# Problem details
Nothing but the lines from the start of the records through the line that contains "site_placement = place(None, origin())" is to be copied, and each is to be copied exactly.

(Beginning of Data supplied)

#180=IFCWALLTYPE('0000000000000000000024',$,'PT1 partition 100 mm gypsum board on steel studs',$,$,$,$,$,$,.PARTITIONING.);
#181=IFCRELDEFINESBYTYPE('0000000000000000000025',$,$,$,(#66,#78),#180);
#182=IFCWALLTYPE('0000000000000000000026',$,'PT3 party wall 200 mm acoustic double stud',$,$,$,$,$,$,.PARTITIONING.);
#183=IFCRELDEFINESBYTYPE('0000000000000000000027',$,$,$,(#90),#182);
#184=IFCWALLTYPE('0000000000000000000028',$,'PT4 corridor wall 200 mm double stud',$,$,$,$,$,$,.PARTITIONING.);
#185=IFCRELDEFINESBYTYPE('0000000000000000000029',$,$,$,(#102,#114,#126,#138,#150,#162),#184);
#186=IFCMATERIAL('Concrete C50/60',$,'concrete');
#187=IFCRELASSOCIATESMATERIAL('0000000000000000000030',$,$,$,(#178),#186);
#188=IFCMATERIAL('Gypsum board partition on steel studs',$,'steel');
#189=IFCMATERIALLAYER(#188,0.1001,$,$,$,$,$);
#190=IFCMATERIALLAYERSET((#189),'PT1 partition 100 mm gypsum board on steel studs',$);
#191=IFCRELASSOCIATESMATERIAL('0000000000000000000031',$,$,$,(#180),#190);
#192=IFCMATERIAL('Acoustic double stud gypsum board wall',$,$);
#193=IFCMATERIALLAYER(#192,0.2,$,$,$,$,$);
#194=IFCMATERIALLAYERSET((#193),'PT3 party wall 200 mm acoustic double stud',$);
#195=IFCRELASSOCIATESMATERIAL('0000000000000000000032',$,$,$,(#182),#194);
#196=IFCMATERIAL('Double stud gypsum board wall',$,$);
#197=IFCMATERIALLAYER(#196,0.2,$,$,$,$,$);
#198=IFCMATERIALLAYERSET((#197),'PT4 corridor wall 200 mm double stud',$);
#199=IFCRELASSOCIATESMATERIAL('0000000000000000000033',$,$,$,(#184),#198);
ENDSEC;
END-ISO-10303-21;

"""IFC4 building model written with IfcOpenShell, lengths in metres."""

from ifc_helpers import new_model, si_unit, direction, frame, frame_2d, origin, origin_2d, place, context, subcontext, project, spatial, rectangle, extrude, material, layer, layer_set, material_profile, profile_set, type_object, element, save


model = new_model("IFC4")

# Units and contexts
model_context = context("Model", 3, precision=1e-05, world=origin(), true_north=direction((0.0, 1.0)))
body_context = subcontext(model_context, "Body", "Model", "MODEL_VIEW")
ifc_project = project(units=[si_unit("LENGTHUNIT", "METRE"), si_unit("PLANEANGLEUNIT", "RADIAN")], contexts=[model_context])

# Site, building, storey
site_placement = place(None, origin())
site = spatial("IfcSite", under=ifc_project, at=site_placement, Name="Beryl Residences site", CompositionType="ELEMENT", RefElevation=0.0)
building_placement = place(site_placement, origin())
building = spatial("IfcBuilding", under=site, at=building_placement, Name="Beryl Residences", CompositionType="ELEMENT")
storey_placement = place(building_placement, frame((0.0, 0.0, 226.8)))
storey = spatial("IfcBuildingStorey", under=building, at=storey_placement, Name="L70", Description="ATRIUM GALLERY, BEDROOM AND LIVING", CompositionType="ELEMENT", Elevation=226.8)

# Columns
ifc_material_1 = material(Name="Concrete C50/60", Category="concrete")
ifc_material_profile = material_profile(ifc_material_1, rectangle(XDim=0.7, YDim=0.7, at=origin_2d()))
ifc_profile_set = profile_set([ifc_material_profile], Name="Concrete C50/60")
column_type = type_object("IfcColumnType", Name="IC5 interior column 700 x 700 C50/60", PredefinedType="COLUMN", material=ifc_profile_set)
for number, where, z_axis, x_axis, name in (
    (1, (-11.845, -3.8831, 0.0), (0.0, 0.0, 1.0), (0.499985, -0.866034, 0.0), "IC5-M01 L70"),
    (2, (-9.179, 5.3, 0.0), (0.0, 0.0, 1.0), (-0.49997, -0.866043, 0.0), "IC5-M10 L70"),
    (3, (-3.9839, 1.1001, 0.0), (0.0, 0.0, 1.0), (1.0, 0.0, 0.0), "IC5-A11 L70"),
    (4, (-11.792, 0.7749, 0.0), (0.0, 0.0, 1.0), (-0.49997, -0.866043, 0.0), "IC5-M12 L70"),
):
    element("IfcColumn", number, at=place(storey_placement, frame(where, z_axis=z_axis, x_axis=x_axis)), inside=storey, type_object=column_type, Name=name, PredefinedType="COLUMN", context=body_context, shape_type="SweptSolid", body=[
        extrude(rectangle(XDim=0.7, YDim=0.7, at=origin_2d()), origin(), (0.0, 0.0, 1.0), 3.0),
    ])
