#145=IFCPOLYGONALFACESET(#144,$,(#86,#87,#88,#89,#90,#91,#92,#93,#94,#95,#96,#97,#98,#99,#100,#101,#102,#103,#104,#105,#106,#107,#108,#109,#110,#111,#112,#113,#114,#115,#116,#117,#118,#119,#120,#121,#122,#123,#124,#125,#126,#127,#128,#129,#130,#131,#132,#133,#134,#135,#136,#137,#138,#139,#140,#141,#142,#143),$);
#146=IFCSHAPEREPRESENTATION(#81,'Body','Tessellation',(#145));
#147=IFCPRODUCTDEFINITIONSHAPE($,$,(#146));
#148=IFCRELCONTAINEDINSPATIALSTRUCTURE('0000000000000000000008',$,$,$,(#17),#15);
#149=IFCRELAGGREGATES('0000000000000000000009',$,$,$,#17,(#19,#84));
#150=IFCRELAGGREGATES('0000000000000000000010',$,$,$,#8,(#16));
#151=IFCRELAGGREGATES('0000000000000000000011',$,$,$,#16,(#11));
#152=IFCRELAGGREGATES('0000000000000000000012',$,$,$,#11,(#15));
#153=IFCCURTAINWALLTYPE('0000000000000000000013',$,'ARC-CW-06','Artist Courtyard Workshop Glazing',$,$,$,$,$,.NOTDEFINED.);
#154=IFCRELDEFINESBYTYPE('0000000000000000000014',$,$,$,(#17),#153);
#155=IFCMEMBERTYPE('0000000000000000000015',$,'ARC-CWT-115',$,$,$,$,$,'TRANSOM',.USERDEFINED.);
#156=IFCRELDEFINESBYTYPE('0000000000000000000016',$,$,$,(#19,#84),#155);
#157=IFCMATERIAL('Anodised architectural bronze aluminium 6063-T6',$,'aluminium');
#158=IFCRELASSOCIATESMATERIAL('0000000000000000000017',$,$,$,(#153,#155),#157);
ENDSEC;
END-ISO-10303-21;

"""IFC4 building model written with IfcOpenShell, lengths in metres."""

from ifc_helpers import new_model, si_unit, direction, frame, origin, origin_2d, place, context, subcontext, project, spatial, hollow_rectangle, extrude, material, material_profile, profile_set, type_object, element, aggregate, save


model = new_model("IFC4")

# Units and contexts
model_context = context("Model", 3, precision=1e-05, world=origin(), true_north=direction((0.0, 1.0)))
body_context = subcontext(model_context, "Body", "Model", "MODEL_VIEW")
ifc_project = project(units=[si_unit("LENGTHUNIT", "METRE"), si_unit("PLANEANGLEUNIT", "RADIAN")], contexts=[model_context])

(End of Data supplied)

# Result of this exercise
#180=IFCWALLTYPE('0000000000000000000024',$,'PT1 partition 100 mm gypsum board on steel studs',$,$,$,$,$,$,.PARTITIONING.);
#181=IFCRELDEFINESBYTYPE('0000000000000000000025',$,$,$,(#66,#78),#180);
#182=IFCWALLTYPE('0000000000000000000026',$,'PT3 party wall 200 mm acoustic double stud',$,$,$,$,$,$,.PARTITIONING.);
#183=IFCRELDEFINESBYTYPE('0000000000000000000027',$,$,$,(#90),#182);
#184=IFCWALLTYPE('0000000000000000000028',$,'PT4 corridor wall 200 mm double stud',$,$,$,$,$,$,.PARTITIONING.);
#185=IFCRELDEFINESBYTYPE('0000000000000000000029',$,$,$,(#102,#114,#126,#138,#150,#162),#184);
#186=IFCMATERIAL('Concrete C50/60',$,'concrete');
#187=IFCRELASSOCIATESMATERIAL('0000000000000000000030',$,$,$,(#178),#186);
#188=IFCMATERIAL('Gypsum board partition on steel studs',$,'steel');
#189=IFCMATERIALLAYER(#188,0.1001,$,$,$,$,$);
#190=IFCMATERIALLAYERSET((#189),'PT1 partition 100 mm gypsum board on steel studs',$);
#191=IFCRELASSOCIATESMATERIAL('0000000000000000000031',$,$,$,(#180),#190);
#192=IFCMATERIAL('Acoustic double stud gypsum board wall',$,$);
#193=IFCMATERIALLAYER(#192,0.2,$,$,$,$,$);
#194=IFCMATERIALLAYERSET((#193),'PT3 party wall 200 mm acoustic double stud',$);
#195=IFCRELASSOCIATESMATERIAL('0000000000000000000032',$,$,$,(#182),#194);
#196=IFCMATERIAL('Double stud gypsum board wall',$,$);
#197=IFCMATERIALLAYER(#196,0.2,$,$,$,$,$);
#198=IFCMATERIALLAYERSET((#197),'PT4 corridor wall 200 mm double stud',$);
#199=IFCRELASSOCIATESMATERIAL('0000000000000000000033',$,$,$,(#184),#198);
ENDSEC;
END-ISO-10303-21;

"""IFC4 building model written with IfcOpenShell, lengths in metres."""

from ifc_helpers import new_model, si_unit, direction, frame, frame_2d, origin, origin_2d, place, context, subcontext, project, spatial, rectangle, extrude, material, layer, layer_set, material_profile, profile_set, type_object, element, save


model = new_model("IFC4")

# Units and contexts
model_context = context("Model", 3, precision=1e-05, world=origin(), true_north=direction((0.0, 1.0)))
body_context = subcontext(model_context, "Body", "Model", "MODEL_VIEW")
ifc_project = project(units=[si_unit("LENGTHUNIT", "METRE"), si_unit("PLANEANGLEUNIT", "RADIAN")], contexts=[model_context])

# Site, building, storey
site_placement = place(None, origin())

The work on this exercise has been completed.